• [ACTIVITY]
Filter these records by the string "source", copying each line that holds it.

• [INFORMATION]
---*---
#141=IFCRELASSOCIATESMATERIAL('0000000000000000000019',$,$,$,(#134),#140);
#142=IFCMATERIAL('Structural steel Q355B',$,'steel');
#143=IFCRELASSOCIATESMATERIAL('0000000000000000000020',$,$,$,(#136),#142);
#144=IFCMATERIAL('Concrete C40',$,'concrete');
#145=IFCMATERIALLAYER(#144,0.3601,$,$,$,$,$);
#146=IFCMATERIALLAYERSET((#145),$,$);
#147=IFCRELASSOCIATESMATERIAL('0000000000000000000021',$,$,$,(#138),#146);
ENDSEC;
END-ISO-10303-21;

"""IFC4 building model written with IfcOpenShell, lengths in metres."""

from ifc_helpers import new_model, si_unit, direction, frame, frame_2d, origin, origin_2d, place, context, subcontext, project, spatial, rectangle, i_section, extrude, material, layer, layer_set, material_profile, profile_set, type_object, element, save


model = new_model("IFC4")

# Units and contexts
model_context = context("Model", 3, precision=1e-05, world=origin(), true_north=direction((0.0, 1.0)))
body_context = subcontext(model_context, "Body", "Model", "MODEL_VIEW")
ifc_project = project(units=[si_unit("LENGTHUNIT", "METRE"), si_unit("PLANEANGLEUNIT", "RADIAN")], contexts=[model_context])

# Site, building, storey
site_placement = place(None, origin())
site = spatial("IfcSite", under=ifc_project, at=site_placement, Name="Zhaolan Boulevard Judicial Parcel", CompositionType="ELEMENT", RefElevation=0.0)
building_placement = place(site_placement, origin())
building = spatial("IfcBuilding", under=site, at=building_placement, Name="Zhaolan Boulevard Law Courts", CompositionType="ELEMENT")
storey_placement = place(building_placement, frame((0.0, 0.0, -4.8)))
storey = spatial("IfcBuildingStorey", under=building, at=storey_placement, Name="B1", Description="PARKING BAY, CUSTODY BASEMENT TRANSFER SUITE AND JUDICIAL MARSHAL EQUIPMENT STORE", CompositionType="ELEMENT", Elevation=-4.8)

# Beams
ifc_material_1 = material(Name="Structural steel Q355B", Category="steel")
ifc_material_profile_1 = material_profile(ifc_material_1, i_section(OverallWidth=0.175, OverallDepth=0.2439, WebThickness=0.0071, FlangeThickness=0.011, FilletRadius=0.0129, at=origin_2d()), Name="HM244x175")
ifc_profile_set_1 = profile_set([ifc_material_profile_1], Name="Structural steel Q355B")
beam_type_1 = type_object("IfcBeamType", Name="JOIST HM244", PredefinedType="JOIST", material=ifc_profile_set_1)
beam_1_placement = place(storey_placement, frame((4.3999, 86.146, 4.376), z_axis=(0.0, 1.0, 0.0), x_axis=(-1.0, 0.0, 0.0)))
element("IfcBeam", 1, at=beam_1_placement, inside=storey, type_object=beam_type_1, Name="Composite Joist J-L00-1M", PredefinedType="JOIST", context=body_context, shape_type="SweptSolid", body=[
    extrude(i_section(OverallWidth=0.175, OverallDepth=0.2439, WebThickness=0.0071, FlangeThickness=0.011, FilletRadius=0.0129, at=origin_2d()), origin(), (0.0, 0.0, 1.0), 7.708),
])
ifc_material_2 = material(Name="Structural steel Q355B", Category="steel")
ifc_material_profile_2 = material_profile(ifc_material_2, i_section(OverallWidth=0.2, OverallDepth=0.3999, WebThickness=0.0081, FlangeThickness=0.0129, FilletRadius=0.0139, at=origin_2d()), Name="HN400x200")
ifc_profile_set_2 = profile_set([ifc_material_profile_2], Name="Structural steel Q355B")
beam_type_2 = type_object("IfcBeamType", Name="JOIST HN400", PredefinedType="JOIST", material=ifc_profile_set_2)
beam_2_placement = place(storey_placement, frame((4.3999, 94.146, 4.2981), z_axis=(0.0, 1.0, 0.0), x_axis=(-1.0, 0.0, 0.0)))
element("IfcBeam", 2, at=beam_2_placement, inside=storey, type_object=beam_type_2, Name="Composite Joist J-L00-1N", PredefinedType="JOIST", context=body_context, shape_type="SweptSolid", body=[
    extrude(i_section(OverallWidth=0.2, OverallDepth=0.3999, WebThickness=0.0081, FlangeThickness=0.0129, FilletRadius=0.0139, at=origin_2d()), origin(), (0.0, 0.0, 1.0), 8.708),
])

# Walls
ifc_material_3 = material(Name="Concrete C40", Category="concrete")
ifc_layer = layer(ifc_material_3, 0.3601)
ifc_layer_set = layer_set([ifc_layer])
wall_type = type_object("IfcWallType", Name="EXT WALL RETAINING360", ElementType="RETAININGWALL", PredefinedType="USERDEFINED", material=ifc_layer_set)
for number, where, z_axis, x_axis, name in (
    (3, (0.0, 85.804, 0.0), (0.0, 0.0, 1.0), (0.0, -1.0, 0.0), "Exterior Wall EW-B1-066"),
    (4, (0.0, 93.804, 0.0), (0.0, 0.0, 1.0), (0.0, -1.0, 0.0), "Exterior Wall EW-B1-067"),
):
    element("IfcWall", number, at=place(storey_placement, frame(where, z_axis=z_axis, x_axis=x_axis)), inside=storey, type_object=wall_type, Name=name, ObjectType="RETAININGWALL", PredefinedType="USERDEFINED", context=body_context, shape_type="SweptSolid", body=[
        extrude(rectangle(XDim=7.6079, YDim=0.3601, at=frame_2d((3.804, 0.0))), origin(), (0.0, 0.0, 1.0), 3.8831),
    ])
---*---
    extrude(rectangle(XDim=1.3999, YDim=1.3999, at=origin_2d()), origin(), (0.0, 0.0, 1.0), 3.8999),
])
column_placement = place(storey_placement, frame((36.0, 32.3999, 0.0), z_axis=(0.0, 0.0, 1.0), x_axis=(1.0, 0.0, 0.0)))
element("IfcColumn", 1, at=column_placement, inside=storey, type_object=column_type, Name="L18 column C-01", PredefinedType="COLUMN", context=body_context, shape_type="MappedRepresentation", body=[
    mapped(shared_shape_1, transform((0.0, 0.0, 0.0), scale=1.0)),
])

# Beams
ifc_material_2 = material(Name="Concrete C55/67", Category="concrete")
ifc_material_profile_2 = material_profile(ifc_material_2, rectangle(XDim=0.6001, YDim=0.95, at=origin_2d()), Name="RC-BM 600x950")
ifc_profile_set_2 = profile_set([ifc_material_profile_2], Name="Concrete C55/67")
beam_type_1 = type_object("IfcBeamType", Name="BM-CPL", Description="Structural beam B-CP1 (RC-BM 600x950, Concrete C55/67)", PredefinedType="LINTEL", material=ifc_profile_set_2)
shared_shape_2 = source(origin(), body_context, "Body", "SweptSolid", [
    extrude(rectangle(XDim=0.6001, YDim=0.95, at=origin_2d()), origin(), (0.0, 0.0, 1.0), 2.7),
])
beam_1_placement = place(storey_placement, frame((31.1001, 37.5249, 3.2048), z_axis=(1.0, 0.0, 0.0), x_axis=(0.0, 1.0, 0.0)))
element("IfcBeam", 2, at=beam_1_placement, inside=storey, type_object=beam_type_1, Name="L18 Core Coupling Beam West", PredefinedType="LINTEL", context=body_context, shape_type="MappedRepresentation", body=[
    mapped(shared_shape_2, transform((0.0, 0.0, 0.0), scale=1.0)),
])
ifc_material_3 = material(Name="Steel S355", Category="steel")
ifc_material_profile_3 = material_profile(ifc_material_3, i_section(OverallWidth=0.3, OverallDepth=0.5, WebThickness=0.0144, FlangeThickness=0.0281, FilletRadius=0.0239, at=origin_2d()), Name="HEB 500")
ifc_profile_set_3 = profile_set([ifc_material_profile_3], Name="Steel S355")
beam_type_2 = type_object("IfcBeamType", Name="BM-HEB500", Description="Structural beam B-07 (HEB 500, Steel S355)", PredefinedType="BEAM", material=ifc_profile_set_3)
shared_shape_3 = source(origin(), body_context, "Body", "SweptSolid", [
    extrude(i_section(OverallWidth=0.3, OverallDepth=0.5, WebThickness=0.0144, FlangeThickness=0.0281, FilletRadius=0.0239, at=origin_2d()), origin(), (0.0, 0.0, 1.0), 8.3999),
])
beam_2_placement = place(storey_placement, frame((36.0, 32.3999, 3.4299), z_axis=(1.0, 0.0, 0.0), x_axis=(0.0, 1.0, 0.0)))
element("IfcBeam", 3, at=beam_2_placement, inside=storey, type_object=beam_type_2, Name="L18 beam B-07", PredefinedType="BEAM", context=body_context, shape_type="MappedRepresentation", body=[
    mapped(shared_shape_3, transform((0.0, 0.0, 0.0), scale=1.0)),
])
---*---
• [SOLUTION FOR THIS EXERCISE]
shared_shape_2 = source(origin(), body_context, "Body", "SweptSolid", [
shared_shape_3 = source(origin(), body_context, "Body", "SweptSolid", [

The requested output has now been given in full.